***** Provided material *****

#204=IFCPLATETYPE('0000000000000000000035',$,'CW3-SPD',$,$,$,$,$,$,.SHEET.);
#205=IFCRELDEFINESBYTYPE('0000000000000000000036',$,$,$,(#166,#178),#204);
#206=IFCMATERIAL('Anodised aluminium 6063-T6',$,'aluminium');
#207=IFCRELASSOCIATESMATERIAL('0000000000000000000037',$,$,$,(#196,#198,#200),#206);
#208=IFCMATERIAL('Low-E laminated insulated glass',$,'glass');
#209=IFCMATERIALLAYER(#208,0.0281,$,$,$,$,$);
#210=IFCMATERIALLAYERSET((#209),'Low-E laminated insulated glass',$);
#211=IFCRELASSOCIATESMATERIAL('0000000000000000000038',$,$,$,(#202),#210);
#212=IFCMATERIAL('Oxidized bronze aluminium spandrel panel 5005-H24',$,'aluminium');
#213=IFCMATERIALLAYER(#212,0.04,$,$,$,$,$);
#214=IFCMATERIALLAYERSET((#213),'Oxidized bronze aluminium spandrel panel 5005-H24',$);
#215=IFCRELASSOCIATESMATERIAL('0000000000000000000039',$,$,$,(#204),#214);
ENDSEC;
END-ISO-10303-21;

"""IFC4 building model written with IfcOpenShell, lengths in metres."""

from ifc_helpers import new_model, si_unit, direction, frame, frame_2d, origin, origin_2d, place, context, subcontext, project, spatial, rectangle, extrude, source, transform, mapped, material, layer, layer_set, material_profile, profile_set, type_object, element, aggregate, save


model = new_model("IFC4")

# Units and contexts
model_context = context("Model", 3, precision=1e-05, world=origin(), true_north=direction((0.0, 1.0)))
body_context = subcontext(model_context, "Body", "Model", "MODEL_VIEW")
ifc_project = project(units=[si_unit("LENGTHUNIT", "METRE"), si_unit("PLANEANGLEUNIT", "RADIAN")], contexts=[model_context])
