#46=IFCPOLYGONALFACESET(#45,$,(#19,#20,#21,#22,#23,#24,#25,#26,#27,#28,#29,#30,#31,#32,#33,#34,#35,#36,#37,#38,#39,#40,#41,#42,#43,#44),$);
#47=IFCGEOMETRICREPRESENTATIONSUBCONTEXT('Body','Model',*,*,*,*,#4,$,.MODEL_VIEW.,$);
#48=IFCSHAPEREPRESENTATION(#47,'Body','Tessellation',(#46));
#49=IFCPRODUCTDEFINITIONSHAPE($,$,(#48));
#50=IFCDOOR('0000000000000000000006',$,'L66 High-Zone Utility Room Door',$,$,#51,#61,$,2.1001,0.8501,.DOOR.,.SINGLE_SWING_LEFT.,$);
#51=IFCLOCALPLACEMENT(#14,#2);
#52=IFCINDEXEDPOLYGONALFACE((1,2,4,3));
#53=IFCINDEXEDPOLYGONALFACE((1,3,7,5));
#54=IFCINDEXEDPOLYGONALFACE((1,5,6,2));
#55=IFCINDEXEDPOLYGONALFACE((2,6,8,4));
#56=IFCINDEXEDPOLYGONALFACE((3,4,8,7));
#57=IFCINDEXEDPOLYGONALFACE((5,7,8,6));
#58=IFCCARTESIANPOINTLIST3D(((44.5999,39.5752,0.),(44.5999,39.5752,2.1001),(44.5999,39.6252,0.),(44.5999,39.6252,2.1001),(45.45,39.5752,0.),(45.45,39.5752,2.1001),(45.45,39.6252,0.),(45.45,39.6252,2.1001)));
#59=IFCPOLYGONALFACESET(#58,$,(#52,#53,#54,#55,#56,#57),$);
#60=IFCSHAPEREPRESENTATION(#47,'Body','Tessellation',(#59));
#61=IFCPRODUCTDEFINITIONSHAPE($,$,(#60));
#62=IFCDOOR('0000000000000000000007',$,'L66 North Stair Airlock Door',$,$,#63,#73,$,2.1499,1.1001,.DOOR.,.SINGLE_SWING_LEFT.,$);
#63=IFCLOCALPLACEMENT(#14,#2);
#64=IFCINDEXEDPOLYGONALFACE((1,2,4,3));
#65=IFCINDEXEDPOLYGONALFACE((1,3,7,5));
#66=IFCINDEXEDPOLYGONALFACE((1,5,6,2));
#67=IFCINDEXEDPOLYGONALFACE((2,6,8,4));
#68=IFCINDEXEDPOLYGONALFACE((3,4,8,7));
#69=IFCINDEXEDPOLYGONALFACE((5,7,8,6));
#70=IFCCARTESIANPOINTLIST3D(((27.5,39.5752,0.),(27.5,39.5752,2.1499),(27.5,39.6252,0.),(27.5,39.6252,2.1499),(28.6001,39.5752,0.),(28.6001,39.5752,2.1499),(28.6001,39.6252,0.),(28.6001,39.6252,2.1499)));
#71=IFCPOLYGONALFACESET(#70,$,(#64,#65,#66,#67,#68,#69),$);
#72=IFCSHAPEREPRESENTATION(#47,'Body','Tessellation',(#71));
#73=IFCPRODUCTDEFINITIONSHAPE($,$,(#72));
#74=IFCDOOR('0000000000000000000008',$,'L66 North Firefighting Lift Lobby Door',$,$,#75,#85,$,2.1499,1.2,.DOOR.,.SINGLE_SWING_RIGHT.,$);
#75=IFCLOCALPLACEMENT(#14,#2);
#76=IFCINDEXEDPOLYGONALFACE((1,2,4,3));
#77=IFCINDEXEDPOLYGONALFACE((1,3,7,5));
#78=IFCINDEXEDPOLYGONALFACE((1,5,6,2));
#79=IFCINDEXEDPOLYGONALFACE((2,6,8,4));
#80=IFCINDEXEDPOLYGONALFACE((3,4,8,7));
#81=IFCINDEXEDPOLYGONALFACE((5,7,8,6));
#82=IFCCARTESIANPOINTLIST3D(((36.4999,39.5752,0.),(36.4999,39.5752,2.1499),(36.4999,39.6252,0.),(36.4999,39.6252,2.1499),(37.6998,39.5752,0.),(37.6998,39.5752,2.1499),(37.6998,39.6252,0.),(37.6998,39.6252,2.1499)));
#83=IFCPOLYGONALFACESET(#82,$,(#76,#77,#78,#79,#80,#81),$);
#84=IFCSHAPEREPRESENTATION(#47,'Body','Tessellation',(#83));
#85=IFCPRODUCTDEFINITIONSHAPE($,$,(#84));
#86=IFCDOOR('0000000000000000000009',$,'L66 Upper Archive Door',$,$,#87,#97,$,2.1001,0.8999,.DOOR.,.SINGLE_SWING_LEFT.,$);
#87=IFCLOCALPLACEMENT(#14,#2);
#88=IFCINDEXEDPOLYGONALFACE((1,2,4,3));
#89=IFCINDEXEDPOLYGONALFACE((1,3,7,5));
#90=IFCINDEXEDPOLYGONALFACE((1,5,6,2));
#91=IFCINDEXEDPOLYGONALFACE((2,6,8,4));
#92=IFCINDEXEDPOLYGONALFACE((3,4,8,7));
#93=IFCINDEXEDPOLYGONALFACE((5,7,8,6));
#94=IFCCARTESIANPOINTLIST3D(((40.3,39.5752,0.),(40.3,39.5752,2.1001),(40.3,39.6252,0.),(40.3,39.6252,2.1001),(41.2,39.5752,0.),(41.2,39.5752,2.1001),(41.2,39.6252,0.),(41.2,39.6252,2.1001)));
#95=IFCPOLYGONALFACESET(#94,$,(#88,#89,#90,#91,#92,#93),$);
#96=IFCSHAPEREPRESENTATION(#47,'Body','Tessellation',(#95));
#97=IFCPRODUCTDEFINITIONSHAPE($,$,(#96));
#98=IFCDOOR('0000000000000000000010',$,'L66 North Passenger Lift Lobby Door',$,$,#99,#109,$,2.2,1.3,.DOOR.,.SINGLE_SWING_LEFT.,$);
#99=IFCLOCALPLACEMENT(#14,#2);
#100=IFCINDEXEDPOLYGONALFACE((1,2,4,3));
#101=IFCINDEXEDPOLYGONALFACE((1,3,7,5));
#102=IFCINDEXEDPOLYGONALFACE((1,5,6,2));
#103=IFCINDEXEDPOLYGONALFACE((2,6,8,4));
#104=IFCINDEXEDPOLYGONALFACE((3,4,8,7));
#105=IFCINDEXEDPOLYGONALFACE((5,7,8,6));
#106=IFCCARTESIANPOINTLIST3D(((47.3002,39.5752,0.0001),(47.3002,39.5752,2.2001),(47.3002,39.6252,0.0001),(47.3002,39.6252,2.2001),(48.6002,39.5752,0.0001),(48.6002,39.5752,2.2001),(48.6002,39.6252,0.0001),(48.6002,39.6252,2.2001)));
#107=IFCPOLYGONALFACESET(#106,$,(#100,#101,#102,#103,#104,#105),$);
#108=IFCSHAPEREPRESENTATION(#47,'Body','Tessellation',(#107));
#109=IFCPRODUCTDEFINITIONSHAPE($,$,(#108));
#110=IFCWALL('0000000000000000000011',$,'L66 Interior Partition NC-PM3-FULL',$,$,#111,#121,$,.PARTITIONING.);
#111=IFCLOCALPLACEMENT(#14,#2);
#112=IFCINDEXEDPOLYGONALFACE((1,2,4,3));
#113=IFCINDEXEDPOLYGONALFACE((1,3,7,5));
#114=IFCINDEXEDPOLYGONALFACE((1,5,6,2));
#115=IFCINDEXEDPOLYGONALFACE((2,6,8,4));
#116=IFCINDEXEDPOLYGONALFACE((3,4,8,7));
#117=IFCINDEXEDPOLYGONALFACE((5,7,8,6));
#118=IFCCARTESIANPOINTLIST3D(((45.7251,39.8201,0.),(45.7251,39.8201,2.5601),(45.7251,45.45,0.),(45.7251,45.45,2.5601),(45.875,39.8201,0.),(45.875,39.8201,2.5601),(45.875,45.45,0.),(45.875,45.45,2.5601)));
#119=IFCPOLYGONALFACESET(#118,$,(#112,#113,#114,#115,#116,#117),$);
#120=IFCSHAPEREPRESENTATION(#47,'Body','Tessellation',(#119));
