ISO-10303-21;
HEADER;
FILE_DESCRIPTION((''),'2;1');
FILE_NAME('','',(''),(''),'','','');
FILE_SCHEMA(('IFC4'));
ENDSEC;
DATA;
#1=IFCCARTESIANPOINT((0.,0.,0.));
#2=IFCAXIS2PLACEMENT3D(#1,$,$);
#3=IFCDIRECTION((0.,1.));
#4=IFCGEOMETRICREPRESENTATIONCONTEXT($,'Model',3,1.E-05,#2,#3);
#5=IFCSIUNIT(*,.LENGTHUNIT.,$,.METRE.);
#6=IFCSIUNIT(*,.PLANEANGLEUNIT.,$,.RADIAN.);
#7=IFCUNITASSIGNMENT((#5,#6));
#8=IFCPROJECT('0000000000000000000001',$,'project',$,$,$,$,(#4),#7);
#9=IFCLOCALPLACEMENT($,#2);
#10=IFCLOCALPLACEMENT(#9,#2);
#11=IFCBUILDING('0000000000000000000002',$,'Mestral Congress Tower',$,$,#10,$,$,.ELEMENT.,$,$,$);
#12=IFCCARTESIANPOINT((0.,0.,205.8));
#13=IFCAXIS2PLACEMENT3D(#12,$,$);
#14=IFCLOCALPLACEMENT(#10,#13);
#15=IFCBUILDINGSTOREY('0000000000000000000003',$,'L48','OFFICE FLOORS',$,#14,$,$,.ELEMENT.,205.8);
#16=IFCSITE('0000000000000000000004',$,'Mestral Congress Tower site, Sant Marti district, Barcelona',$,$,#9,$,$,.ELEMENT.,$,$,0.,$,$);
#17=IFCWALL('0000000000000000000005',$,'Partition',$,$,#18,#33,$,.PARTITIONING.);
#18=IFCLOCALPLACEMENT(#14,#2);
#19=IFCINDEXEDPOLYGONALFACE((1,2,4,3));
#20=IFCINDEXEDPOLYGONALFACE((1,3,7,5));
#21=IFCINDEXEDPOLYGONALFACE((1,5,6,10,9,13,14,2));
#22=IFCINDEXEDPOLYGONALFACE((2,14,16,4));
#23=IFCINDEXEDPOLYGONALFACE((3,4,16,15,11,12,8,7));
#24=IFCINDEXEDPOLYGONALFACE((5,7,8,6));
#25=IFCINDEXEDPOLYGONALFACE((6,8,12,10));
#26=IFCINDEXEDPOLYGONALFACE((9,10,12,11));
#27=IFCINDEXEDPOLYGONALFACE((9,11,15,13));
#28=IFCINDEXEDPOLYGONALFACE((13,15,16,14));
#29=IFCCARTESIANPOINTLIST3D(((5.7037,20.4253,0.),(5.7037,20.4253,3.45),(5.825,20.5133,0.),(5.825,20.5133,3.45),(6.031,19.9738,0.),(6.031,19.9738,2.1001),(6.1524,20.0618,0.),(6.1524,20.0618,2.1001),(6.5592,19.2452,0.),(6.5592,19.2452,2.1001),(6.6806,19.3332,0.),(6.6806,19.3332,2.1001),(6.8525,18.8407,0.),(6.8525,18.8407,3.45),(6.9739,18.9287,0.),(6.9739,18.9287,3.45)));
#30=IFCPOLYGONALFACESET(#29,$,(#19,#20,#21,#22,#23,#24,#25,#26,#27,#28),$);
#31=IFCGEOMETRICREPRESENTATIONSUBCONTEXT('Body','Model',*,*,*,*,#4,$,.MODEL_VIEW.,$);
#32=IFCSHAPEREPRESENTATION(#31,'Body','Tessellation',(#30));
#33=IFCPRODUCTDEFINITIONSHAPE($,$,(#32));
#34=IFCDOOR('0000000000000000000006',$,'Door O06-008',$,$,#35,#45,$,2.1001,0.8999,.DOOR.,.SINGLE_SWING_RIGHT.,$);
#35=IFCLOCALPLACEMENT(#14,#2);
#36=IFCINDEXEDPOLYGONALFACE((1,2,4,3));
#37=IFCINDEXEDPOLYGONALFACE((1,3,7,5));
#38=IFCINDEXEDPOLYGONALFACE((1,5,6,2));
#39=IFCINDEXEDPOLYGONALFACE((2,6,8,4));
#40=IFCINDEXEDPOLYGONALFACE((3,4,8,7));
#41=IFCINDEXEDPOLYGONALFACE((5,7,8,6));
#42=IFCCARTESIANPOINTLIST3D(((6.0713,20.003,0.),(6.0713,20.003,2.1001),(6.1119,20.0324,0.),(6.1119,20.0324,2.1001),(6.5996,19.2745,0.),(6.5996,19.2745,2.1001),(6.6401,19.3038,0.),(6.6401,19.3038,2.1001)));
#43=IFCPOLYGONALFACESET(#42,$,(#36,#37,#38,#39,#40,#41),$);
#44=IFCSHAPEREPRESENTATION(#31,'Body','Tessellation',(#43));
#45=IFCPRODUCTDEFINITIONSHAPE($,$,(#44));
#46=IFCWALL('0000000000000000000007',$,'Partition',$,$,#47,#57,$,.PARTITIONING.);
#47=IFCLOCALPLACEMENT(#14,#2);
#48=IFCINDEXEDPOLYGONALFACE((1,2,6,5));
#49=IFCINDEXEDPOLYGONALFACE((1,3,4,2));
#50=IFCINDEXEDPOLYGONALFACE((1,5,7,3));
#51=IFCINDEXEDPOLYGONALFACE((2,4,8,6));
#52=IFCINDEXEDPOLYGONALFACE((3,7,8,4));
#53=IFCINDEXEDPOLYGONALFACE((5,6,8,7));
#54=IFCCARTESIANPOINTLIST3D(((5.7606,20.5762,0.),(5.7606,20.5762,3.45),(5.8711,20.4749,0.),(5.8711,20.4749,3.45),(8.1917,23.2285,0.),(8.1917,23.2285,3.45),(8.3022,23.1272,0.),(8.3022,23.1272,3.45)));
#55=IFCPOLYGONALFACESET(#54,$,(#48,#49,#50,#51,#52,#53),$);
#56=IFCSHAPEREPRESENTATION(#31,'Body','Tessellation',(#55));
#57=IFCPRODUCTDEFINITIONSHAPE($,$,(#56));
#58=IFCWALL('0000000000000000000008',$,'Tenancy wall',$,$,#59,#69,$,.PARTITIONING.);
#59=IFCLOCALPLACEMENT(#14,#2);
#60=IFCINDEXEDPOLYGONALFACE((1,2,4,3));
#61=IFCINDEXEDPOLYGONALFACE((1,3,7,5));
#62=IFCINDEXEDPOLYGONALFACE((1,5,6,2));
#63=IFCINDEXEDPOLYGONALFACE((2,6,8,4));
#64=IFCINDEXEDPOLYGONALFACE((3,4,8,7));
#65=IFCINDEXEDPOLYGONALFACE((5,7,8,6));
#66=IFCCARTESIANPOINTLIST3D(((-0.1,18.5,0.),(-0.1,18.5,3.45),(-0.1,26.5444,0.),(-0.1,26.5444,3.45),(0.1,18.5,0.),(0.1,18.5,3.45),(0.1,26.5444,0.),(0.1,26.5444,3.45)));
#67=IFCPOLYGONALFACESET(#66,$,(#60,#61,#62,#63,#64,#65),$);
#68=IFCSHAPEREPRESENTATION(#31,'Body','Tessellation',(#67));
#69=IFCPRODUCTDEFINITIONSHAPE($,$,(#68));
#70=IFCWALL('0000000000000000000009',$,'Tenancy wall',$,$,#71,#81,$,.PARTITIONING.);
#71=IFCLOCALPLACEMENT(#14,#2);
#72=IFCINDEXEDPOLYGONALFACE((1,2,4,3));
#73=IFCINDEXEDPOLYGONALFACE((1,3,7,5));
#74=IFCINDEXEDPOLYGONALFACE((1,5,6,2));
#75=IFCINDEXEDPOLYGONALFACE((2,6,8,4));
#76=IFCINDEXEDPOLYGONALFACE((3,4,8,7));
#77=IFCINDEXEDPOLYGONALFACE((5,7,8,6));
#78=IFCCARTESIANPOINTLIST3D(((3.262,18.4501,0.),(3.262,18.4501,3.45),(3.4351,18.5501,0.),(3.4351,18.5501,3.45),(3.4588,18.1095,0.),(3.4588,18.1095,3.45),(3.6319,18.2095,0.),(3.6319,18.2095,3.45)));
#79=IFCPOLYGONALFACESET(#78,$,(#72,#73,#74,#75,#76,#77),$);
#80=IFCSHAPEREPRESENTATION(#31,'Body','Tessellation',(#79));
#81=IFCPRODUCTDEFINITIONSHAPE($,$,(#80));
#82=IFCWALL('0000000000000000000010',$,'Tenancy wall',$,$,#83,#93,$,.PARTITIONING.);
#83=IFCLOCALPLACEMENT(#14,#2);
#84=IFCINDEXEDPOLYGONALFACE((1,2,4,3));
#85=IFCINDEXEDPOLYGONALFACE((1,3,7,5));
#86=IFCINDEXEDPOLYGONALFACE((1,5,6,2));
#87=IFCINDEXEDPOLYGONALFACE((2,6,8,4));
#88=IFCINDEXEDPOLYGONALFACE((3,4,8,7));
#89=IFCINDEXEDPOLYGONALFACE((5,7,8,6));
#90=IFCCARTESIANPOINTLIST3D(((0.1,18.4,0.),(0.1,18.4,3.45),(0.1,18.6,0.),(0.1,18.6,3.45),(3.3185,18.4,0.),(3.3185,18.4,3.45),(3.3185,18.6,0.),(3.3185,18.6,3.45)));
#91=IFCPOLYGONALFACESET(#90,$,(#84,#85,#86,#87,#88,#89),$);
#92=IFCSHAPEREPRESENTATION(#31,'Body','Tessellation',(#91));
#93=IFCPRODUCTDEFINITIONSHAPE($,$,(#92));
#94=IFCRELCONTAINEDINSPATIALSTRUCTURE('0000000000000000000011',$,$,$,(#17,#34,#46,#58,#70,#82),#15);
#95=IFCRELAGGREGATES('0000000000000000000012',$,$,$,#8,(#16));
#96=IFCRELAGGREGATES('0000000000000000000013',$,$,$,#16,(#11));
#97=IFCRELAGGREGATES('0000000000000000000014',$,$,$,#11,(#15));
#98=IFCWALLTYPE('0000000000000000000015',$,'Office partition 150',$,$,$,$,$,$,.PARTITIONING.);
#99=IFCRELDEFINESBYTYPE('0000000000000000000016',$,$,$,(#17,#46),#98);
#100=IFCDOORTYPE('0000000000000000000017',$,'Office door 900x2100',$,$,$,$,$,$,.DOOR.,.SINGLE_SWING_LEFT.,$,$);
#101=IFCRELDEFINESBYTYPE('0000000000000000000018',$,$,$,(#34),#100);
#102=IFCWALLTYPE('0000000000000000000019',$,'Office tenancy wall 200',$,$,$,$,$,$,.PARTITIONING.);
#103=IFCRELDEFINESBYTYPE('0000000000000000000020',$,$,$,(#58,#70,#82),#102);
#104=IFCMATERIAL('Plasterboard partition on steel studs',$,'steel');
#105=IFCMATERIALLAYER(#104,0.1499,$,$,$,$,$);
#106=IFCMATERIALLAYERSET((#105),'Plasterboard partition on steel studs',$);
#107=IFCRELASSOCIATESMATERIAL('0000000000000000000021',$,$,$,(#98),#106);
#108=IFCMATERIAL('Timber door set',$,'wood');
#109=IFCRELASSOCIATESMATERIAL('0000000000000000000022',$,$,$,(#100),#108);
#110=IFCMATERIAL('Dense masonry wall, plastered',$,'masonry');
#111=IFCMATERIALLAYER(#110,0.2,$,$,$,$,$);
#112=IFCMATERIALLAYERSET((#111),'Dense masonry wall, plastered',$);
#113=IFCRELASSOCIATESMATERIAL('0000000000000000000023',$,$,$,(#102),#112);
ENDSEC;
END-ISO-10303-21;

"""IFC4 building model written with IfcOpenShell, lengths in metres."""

from ifc_helpers import new_model, si_unit, direction, frame, frame_2d, origin, place, context, subcontext, project, spatial, rectangle, extrude, material, layer, layer_set, type_object, element, fill, save


model = new_model("IFC4")

# Units and contexts
model_context = context("Model", 3, precision=1e-05, world=origin(), true_north=direction((0.0, 1.0)))
body_context = subcontext(model_context, "Body", "Model", "MODEL_VIEW")
ifc_project = project(units=[si_unit("LENGTHUNIT", "METRE"), si_unit("PLANEANGLEUNIT", "RADIAN")], contexts=[model_context])

# Site, building, storey
site_placement = place(None, origin())
site = spatial("IfcSite", under=ifc_project, at=site_placement, Name="Mestral Congress Tower site, Sant Marti district, Barcelona", CompositionType="ELEMENT", RefElevation=0.0)
building_placement = place(site_placement, origin())
building = spatial("IfcBuilding", under=site, at=building_placement, Name="Mestral Congress Tower", CompositionType="ELEMENT")
storey_placement = place(building_placement, frame((0.0, 0.0, 205.8)))
storey = spatial("IfcBuildingStorey", under=building, at=storey_placement, Name="L48", Description="OFFICE FLOORS", CompositionType="ELEMENT", Elevation=205.8)

# Shared definitions
ifc_material_1 = material(Name="Plasterboard partition on steel studs", Category="steel")
ifc_layer_1 = layer(ifc_material_1, 0.1499)
ifc_layer_set_1 = layer_set([ifc_layer_1], Name="Plasterboard partition on steel studs")
wall_type_1 = type_object("IfcWallType", Name="Office partition 150", PredefinedType="PARTITIONING", material=ifc_layer_set_1)

# Shared definitions
ifc_material_2 = material(Name="Timber door set", Category="wood")
door_type = type_object("IfcDoorType", Name="Office door 900x2100", OperationType="SINGLE_SWING_LEFT", PredefinedType="DOOR", material=ifc_material_2)

# Wall, opening, door
wall_1_placement = place(storey_placement, frame((5.7644, 20.4692, 0.0), z_axis=(0.0, 0.0, 1.0), x_axis=(0.58697, -0.809609, 0.0)))
wall_1 = element("IfcWall", 1, at=wall_1_placement, inside=storey, type_object=wall_type_1, Name="Partition", PredefinedType="PARTITIONING", context=body_context, shape_type="SweptSolid", body=[
    extrude(rectangle(XDim=1.9573, YDim=0.1499, at=frame_2d((0.9785, 0.0))), origin(), (0.0, 0.0, 1.0), 3.45),
])
opening_1_placement = place(wall_1_placement, frame((0.5576, 0.0, 0.0)))
opening_1 = element("IfcOpeningElement", 2, at=opening_1_placement, cuts=wall_1, PredefinedType="OPENING", context=body_context, shape_type="SweptSolid", body=[
    extrude(rectangle(XDim=0.8999, YDim=2.1001, at=frame_2d((0.45, 1.05))), frame((0.0, 0.085, 0.0), z_axis=(0.0, -1.0, 0.0), x_axis=(1.0, 0.0, 0.0)), (0.0, 0.0, 1.0), 0.1699),
])
door_1_placement = place(opening_1_placement, origin())
door_1 = element("IfcDoor", 3, at=door_1_placement, inside=storey, type_object=door_type, Name="Door O06-008", OperationType="SINGLE_SWING_RIGHT", OverallHeight=2.1001, OverallWidth=0.8999, PredefinedType="DOOR", context=body_context, shape_type="SweptSolid", body=[
    extrude(rectangle(XDim=0.8999, YDim=2.1001, at=frame_2d((0.45, 1.05))), frame((0.0, 0.0249, 0.0), z_axis=(0.0, -1.0, 0.0), x_axis=(1.0, 0.0, 0.0)), (0.0, 0.0, 1.0), 0.05),
])
fill(opening_1, door_1)

# Walls
wall_2_placement = place(storey_placement, frame((5.8159, 20.5256, 0.0), z_axis=(0.0, 0.0, 1.0), x_axis=(0.6757, 0.737177, 0.0)))
element("IfcWall", 4, at=wall_2_placement, inside=storey, type_object=wall_type_1, Name="Partition", PredefinedType="PARTITIONING", context=body_context, shape_type="SweptSolid", body=[
    extrude(rectangle(XDim=3.5979, YDim=0.1499, at=frame_2d((1.7988, 0.0))), origin(), (0.0, 0.0, 1.0), 3.45),
])
ifc_material_3 = material(Name="Dense masonry wall, plastered", Category="masonry")
ifc_layer_2 = layer(ifc_material_3, 0.2)
ifc_layer_set_2 = layer_set([ifc_layer_2], Name="Dense masonry wall, plastered")
wall_type_2 = type_object("IfcWallType", Name="Office tenancy wall 200", PredefinedType="PARTITIONING", material=ifc_layer_set_2)
wall_3_placement = place(storey_placement, frame((0.0, 18.5, 0.0), z_axis=(0.0, 0.0, 1.0), x_axis=(0.0, 1.0, 0.0)))
element("IfcWall", 5, at=wall_3_placement, inside=storey, type_object=wall_type_2, Name="Tenancy wall", PredefinedType="PARTITIONING", context=body_context, shape_type="SweptSolid", body=[
    extrude(rectangle(XDim=8.0444, YDim=0.2, at=frame_2d((4.0222, 0.0))), origin(), (0.0, 0.0, 1.0), 3.45),
])
wall_4_placement = place(storey_placement, frame((3.5454, 18.1594, 0.0), z_axis=(0.0, 0.0, 1.0), x_axis=(-0.500278, 0.865865, 0.0)))
element("IfcWall", 6, at=wall_4_placement, inside=storey, type_object=wall_type_2, Name="Tenancy wall", PredefinedType="PARTITIONING", context=body_context, shape_type="SweptSolid", body=[
    extrude(rectangle(XDim=0.3933, YDim=0.2, at=frame_2d((0.1968, 0.0))), origin(), (0.0, 0.0, 1.0), 3.45),
])
wall_5_placement = place(storey_placement, frame((3.3186, 18.5, 0.0), z_axis=(0.0, 0.0, 1.0), x_axis=(-1.0, 0.0, 0.0)))
element("IfcWall", 7, at=wall_5_placement, inside=storey, type_object=wall_type_2, Name="Tenancy wall", PredefinedType="PARTITIONING", context=body_context, shape_type="SweptSolid", body=[
    extrude(rectangle(XDim=3.2185, YDim=0.2, at=frame_2d((1.6094, 0.0))), origin(), (0.0, 0.0, 1.0), 3.45),
])

save(model, "model.ifc")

*****

Work item:
Using the records above, work out the number of lines that contain "bronze" and write only that number.

Problem solution:
2